**Dataset records**
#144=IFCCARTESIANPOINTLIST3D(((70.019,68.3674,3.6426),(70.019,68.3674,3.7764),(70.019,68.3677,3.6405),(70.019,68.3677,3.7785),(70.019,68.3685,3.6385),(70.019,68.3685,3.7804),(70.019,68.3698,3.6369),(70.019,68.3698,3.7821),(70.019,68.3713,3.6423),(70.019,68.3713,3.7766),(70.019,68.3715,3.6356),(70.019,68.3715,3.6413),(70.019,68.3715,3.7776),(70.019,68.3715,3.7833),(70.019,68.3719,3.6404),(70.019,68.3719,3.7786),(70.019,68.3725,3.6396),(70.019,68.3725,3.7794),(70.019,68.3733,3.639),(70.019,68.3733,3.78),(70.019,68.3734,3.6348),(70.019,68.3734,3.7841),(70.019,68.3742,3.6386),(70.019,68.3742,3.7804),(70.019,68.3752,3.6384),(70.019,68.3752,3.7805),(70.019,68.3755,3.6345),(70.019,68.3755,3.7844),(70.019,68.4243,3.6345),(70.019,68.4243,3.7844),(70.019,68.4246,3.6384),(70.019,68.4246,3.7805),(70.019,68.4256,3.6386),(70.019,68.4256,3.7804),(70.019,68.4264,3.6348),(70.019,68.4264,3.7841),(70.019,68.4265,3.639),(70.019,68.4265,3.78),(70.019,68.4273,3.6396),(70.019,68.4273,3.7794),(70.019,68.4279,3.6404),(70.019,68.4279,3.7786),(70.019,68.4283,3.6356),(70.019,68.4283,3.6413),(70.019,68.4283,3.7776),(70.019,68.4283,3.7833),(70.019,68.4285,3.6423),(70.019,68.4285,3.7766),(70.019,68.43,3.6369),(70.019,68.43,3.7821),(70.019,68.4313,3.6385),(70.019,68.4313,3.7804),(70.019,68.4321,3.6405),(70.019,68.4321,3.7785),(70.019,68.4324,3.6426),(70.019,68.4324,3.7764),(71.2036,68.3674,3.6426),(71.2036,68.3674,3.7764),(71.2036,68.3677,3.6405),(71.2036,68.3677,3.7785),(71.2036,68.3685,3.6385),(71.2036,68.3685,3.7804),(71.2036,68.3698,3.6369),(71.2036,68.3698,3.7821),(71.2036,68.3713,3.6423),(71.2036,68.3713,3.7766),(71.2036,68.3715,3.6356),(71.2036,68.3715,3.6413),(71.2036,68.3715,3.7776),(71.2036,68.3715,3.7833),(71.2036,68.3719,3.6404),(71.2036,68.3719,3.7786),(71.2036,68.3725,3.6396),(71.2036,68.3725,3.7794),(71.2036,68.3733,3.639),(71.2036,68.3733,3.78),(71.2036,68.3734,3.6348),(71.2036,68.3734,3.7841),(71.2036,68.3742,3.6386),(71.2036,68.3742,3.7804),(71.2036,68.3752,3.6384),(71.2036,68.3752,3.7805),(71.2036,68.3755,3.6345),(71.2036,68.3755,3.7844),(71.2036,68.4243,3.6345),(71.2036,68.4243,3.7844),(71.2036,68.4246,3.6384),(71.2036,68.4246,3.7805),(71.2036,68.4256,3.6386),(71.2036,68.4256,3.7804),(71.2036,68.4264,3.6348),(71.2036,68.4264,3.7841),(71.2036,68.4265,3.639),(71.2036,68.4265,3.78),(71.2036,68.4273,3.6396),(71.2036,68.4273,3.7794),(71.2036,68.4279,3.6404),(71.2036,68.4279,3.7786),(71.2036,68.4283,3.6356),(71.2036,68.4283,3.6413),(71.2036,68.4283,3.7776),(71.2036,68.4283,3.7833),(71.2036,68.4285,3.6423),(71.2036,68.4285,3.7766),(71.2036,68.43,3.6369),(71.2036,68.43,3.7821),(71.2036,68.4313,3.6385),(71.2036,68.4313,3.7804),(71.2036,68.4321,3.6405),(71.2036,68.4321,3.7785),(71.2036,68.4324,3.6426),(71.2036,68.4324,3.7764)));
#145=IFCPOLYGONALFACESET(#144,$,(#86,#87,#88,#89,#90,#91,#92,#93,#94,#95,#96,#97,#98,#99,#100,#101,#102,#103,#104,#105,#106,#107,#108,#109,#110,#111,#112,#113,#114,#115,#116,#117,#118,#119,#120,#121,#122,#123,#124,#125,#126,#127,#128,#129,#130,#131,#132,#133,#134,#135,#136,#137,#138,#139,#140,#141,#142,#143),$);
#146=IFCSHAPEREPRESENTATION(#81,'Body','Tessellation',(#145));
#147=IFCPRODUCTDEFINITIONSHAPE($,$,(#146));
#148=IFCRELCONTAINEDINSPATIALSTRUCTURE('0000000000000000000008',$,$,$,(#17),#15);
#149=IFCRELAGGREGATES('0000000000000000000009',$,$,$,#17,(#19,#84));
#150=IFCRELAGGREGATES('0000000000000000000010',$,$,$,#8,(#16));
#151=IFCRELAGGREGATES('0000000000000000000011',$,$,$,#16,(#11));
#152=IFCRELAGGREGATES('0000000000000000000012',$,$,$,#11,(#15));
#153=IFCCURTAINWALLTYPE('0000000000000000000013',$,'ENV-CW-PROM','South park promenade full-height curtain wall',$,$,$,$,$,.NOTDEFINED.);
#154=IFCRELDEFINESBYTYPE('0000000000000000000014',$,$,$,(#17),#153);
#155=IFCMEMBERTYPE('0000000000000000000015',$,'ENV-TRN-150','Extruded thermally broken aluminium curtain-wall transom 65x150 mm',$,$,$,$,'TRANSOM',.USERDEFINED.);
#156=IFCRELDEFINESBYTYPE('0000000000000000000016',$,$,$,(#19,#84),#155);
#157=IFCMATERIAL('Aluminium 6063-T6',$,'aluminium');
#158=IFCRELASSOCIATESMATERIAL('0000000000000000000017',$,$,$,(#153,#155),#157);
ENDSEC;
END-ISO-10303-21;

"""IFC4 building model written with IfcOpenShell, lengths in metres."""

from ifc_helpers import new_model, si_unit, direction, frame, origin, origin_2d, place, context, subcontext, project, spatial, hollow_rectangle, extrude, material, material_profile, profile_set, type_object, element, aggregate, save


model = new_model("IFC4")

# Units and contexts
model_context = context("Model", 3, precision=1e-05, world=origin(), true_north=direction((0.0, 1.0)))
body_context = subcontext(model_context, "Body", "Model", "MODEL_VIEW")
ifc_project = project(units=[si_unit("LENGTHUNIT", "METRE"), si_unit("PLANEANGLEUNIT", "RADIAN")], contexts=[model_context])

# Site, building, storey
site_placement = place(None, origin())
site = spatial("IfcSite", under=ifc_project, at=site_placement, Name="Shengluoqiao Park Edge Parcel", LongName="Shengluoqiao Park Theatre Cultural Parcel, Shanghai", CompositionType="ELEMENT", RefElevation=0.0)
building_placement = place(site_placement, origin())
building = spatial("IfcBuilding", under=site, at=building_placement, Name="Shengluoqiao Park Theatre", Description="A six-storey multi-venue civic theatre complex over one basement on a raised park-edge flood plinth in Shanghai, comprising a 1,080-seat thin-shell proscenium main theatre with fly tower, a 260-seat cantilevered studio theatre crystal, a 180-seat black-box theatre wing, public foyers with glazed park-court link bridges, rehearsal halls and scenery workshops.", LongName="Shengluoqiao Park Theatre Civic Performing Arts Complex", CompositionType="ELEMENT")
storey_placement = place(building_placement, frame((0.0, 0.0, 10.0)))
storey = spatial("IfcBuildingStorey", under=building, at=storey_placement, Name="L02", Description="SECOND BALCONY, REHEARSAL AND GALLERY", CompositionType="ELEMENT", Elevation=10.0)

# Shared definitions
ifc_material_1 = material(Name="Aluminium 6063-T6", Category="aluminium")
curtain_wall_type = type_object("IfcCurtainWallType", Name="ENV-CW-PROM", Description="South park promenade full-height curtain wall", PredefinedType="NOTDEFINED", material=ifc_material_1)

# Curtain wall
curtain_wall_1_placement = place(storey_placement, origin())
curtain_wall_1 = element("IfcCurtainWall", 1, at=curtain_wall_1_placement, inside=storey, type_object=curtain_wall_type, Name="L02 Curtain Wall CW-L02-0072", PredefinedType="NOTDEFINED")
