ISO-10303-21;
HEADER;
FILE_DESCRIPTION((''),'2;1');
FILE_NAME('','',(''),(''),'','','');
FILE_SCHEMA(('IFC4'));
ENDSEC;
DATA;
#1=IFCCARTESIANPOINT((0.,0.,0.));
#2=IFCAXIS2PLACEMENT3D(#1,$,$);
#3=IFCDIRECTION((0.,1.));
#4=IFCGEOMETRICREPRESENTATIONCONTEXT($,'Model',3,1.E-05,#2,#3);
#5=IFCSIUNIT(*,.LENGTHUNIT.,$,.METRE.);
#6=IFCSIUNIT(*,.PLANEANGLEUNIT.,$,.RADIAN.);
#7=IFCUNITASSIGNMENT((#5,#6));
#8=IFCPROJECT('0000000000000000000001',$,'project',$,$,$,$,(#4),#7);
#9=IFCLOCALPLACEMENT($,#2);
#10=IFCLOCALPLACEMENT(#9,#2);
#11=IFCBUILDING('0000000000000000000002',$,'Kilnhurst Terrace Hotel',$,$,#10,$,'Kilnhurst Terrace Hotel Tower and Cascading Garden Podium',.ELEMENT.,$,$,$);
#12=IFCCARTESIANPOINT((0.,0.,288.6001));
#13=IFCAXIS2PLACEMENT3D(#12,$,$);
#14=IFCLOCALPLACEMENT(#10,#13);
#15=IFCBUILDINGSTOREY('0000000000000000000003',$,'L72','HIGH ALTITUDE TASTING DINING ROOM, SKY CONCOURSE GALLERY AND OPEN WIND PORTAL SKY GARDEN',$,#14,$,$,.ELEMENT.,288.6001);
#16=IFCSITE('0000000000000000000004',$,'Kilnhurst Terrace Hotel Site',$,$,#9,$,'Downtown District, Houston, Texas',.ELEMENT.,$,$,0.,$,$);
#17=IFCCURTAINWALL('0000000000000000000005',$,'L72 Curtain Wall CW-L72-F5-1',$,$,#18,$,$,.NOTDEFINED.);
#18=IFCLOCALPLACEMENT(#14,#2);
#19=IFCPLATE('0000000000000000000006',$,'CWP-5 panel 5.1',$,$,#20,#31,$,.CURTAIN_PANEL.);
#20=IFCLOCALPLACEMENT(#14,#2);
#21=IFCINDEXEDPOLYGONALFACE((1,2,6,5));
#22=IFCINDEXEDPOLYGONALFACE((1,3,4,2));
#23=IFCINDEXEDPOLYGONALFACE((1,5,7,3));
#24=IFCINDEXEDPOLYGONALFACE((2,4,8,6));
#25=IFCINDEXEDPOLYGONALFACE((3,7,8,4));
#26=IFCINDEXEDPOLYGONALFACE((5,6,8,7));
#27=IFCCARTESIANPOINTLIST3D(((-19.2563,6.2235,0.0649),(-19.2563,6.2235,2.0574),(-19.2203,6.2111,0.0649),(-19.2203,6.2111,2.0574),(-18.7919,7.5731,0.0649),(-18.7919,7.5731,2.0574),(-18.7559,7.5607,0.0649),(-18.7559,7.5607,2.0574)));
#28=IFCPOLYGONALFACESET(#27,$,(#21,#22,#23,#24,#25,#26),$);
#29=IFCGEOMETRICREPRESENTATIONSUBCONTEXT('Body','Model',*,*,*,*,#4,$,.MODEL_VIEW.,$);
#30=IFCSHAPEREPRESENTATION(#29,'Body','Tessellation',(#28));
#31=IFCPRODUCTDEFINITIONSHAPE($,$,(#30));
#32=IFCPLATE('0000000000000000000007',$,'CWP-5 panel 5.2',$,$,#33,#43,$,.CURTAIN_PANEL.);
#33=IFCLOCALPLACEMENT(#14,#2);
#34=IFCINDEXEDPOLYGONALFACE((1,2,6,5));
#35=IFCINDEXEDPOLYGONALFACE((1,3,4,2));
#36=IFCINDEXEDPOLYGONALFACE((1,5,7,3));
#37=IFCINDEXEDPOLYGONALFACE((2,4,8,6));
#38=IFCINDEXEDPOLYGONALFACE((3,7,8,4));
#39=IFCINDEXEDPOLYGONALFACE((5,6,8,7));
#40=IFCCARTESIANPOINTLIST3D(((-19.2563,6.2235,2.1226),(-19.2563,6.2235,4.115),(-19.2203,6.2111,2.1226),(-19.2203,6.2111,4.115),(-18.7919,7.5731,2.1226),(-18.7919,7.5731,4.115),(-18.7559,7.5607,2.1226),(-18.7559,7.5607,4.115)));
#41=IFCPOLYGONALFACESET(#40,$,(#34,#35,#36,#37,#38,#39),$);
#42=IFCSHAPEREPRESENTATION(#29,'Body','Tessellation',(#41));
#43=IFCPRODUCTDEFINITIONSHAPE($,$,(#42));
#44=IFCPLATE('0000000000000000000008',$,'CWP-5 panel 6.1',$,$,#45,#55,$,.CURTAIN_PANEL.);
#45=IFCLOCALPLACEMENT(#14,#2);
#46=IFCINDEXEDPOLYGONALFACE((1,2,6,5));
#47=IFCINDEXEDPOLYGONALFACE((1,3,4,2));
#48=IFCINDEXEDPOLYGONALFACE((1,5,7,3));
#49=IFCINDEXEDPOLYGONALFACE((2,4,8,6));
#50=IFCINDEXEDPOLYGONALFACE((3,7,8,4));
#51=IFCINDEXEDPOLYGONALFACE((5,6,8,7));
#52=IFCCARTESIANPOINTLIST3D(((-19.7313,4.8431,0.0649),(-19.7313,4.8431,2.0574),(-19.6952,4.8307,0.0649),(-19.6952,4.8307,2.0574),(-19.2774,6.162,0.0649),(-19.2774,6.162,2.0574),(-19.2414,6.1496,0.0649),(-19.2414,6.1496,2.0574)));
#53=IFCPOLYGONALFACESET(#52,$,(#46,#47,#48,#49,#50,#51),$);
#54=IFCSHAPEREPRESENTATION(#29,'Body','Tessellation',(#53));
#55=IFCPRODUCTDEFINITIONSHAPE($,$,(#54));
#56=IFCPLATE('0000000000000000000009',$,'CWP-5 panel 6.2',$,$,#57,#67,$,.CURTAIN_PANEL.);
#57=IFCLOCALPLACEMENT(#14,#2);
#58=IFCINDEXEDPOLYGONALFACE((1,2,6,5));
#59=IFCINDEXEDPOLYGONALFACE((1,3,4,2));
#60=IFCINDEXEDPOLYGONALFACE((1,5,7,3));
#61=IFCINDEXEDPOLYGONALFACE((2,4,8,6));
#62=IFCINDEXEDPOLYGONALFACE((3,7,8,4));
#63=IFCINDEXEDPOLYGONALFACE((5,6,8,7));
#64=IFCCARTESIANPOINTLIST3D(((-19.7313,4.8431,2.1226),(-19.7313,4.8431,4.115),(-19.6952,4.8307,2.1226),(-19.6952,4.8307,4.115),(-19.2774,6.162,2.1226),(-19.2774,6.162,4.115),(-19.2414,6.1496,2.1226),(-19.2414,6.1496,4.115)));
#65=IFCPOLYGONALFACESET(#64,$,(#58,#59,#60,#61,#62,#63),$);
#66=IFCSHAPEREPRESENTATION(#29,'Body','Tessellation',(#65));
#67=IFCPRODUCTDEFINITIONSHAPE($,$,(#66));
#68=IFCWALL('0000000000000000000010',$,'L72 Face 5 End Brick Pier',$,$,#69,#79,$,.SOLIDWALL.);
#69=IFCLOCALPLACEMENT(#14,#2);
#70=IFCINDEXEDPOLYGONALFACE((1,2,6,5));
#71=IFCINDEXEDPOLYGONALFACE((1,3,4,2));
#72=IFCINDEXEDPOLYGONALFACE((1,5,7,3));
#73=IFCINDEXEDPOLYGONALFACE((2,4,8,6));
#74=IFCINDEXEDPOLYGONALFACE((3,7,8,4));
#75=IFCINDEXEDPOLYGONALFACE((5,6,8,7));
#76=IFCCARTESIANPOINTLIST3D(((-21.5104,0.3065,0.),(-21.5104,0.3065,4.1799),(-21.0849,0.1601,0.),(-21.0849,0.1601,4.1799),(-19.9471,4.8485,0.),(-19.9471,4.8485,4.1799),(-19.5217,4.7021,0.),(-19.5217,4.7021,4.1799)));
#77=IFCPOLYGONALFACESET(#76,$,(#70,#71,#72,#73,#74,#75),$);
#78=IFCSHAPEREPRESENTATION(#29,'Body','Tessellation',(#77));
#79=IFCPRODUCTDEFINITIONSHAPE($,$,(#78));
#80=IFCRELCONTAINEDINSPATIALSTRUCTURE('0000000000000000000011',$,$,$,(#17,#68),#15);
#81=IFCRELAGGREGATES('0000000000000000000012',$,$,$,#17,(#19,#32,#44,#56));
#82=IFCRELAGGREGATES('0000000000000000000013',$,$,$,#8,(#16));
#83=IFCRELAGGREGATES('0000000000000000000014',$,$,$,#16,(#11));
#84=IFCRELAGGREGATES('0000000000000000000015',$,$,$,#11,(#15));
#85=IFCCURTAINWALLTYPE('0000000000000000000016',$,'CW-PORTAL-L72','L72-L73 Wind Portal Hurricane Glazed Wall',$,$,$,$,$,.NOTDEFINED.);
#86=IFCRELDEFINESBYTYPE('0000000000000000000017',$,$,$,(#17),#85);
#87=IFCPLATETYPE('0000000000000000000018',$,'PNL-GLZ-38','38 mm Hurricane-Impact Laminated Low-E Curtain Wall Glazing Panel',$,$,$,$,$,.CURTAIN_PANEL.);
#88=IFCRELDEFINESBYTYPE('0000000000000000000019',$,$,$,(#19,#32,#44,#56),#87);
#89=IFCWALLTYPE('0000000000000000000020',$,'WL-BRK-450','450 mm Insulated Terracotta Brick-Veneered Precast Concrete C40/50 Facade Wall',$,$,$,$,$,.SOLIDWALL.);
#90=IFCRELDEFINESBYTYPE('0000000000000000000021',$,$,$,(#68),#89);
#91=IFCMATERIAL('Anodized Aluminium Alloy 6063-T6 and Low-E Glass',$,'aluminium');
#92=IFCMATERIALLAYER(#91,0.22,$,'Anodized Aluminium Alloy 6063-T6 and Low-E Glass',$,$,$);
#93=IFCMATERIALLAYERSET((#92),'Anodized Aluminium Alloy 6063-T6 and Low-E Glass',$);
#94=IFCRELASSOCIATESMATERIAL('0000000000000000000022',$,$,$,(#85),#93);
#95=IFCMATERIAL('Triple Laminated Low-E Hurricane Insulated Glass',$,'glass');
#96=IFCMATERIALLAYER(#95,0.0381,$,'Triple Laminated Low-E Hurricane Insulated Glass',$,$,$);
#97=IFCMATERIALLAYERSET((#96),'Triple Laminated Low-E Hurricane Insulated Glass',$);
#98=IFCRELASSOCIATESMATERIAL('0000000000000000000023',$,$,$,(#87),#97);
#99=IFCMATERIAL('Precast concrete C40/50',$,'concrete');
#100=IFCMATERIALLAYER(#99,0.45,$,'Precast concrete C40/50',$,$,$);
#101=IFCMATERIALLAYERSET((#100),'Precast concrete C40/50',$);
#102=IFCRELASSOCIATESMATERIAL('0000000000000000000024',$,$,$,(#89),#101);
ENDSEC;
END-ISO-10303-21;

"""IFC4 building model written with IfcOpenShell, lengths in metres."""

from ifc_helpers import new_model, si_unit, direction, frame, frame_2d, origin, origin_2d, place, context, subcontext, project, spatial, rectangle, extrude, material, layer, layer_set, type_object, element, aggregate, save


model = new_model("IFC4")

# Units and contexts
model_context = context("Model", 3, precision=1e-05, world=origin(), true_north=direction((0.0, 1.0)))
body_context = subcontext(model_context, "Body", "Model", "MODEL_VIEW")
ifc_project = project(units=[si_unit("LENGTHUNIT", "METRE"), si_unit("PLANEANGLEUNIT", "RADIAN")], contexts=[model_context])

# Site, building, storey
site_placement = place(None, origin())
site = spatial("IfcSite", under=ifc_project, at=site_placement, Name="Kilnhurst Terrace Hotel Site", LongName="Downtown District, Houston, Texas", CompositionType="ELEMENT", RefElevation=0.0)
building_placement = place(site_placement, origin())
building = spatial("IfcBuilding", under=site, at=building_placement, Name="Kilnhurst Terrace Hotel", LongName="Kilnhurst Terrace Hotel Tower and Cascading Garden Podium", CompositionType="ELEMENT")
storey_placement = place(building_placement, frame((0.0, 0.0, 288.6001)))
storey = spatial("IfcBuildingStorey", under=building, at=storey_placement, Name="L72", Description="HIGH ALTITUDE TASTING DINING ROOM, SKY CONCOURSE GALLERY AND OPEN WIND PORTAL SKY GARDEN", CompositionType="ELEMENT", Elevation=288.6001)

# Curtain wall, plates
ifc_material_1 = material(Name="Anodized Aluminium Alloy 6063-T6 and Low-E Glass", Category="aluminium")
ifc_layer_1 = layer(ifc_material_1, 0.22, Name="Anodized Aluminium Alloy 6063-T6 and Low-E Glass")
ifc_layer_set_1 = layer_set([ifc_layer_1], Name="Anodized Aluminium Alloy 6063-T6 and Low-E Glass")
curtain_wall_type = type_object("IfcCurtainWallType", Name="CW-PORTAL-L72", Description="L72-L73 Wind Portal Hurricane Glazed Wall", PredefinedType="NOTDEFINED", material=ifc_layer_set_1)
curtain_wall_placement = place(storey_placement, origin())
curtain_wall = element("IfcCurtainWall", 1, at=curtain_wall_placement, inside=storey, type_object=curtain_wall_type, Name="L72 Curtain Wall CW-L72-F5-1", PredefinedType="NOTDEFINED")
ifc_material_2 = material(Name="Triple Laminated Low-E Hurricane Insulated Glass", Category="glass")
ifc_layer_2 = layer(ifc_material_2, 0.0381, Name="Triple Laminated Low-E Hurricane Insulated Glass")
ifc_layer_set_2 = layer_set([ifc_layer_2], Name="Triple Laminated Low-E Hurricane Insulated Glass")
plate_type = type_object("IfcPlateType", Name="PNL-GLZ-38", Description="38 mm Hurricane-Impact Laminated Low-E Curtain Wall Glazing Panel", PredefinedType="CURTAIN_PANEL", material=ifc_layer_set_2)
plate_1_placement = place(storey_placement, frame((-19.0061, 6.8921, 0.0649), z_axis=(0.0, 0.0, 1.0), x_axis=(-0.325397, -0.945578, 0.0)))
plate_1 = element("IfcPlate", 2, at=plate_1_placement, type_object=plate_type, Name="CWP-5 panel 5.1", PredefinedType="CURTAIN_PANEL", context=body_context, shape_type="SweptSolid", body=[
    extrude(rectangle(XDim=1.4272, YDim=0.0381, at=origin_2d()), origin(), (0.0, 0.0, 1.0), 1.9924),
])
plate_2_placement = place(storey_placement, frame((-19.0061, 6.8921, 2.1226), z_axis=(0.0, 0.0, 1.0), x_axis=(-0.325397, -0.945578, 0.0)))
plate_2 = element("IfcPlate", 3, at=plate_2_placement, type_object=plate_type, Name="CWP-5 panel 5.2", PredefinedType="CURTAIN_PANEL", context=body_context, shape_type="SweptSolid", body=[
    extrude(rectangle(XDim=1.4272, YDim=0.0381, at=origin_2d()), origin(), (0.0, 0.0, 1.0), 1.9924),
])
plate_3_placement = place(storey_placement, frame((-19.4863, 5.4963, 0.0649), z_axis=(0.0, 0.0, 1.0), x_axis=(-0.325397, -0.945578, 0.0)))
plate_3 = element("IfcPlate", 4, at=plate_3_placement, type_object=plate_type, Name="CWP-5 panel 6.1", PredefinedType="CURTAIN_PANEL", context=body_context, shape_type="SweptSolid", body=[
    extrude(rectangle(XDim=1.3948, YDim=0.0381, at=origin_2d()), origin(), (0.0, 0.0, 1.0), 1.9924),
])
plate_4_placement = place(storey_placement, frame((-19.4863, 5.4963, 2.1226), z_axis=(0.0, 0.0, 1.0), x_axis=(-0.325397, -0.945578, 0.0)))
plate_4 = element("IfcPlate", 5, at=plate_4_placement, type_object=plate_type, Name="CWP-5 panel 6.2", PredefinedType="CURTAIN_PANEL", context=body_context, shape_type="SweptSolid", body=[
    extrude(rectangle(XDim=1.3948, YDim=0.0381, at=origin_2d()), origin(), (0.0, 0.0, 1.0), 1.9924),
])
aggregate(curtain_wall, [plate_1, plate_2, plate_3, plate_4])

# Wall
ifc_material_3 = material(Name="Precast concrete C40/50", Category="concrete")
ifc_layer_3 = layer(ifc_material_3, 0.45, Name="Precast concrete C40/50")
ifc_layer_set_3 = layer_set([ifc_layer_3], Name="Precast concrete C40/50")
wall_type = type_object("IfcWallType", Name="WL-BRK-450", Description="450 mm Insulated Terracotta Brick-Veneered Precast Concrete C40/50 Facade Wall", PredefinedType="SOLIDWALL", material=ifc_layer_set_3)
wall_placement = place(storey_placement, frame((-19.7344, 4.7754, 0.0), z_axis=(0.0, 0.0, 1.0), x_axis=(-0.325438, -0.945563, 0.0)))
element("IfcWall", 6, at=wall_placement, inside=storey, type_object=wall_type, Name="L72 Face 5 End Brick Pier", PredefinedType="SOLIDWALL", context=body_context, shape_type="SweptSolid", body=[
    extrude(rectangle(XDim=4.8035, YDim=0.45, at=frame_2d((2.4019, 0.0))), origin(), (0.0, 0.0, 1.0), 4.1799),
])

save(model, "model.ifc")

**Work task**
Look through the listing above, please, and state how many lines hold the word "IFCSIUNIT"; the number alone is the answer.

**Exercise answer**
2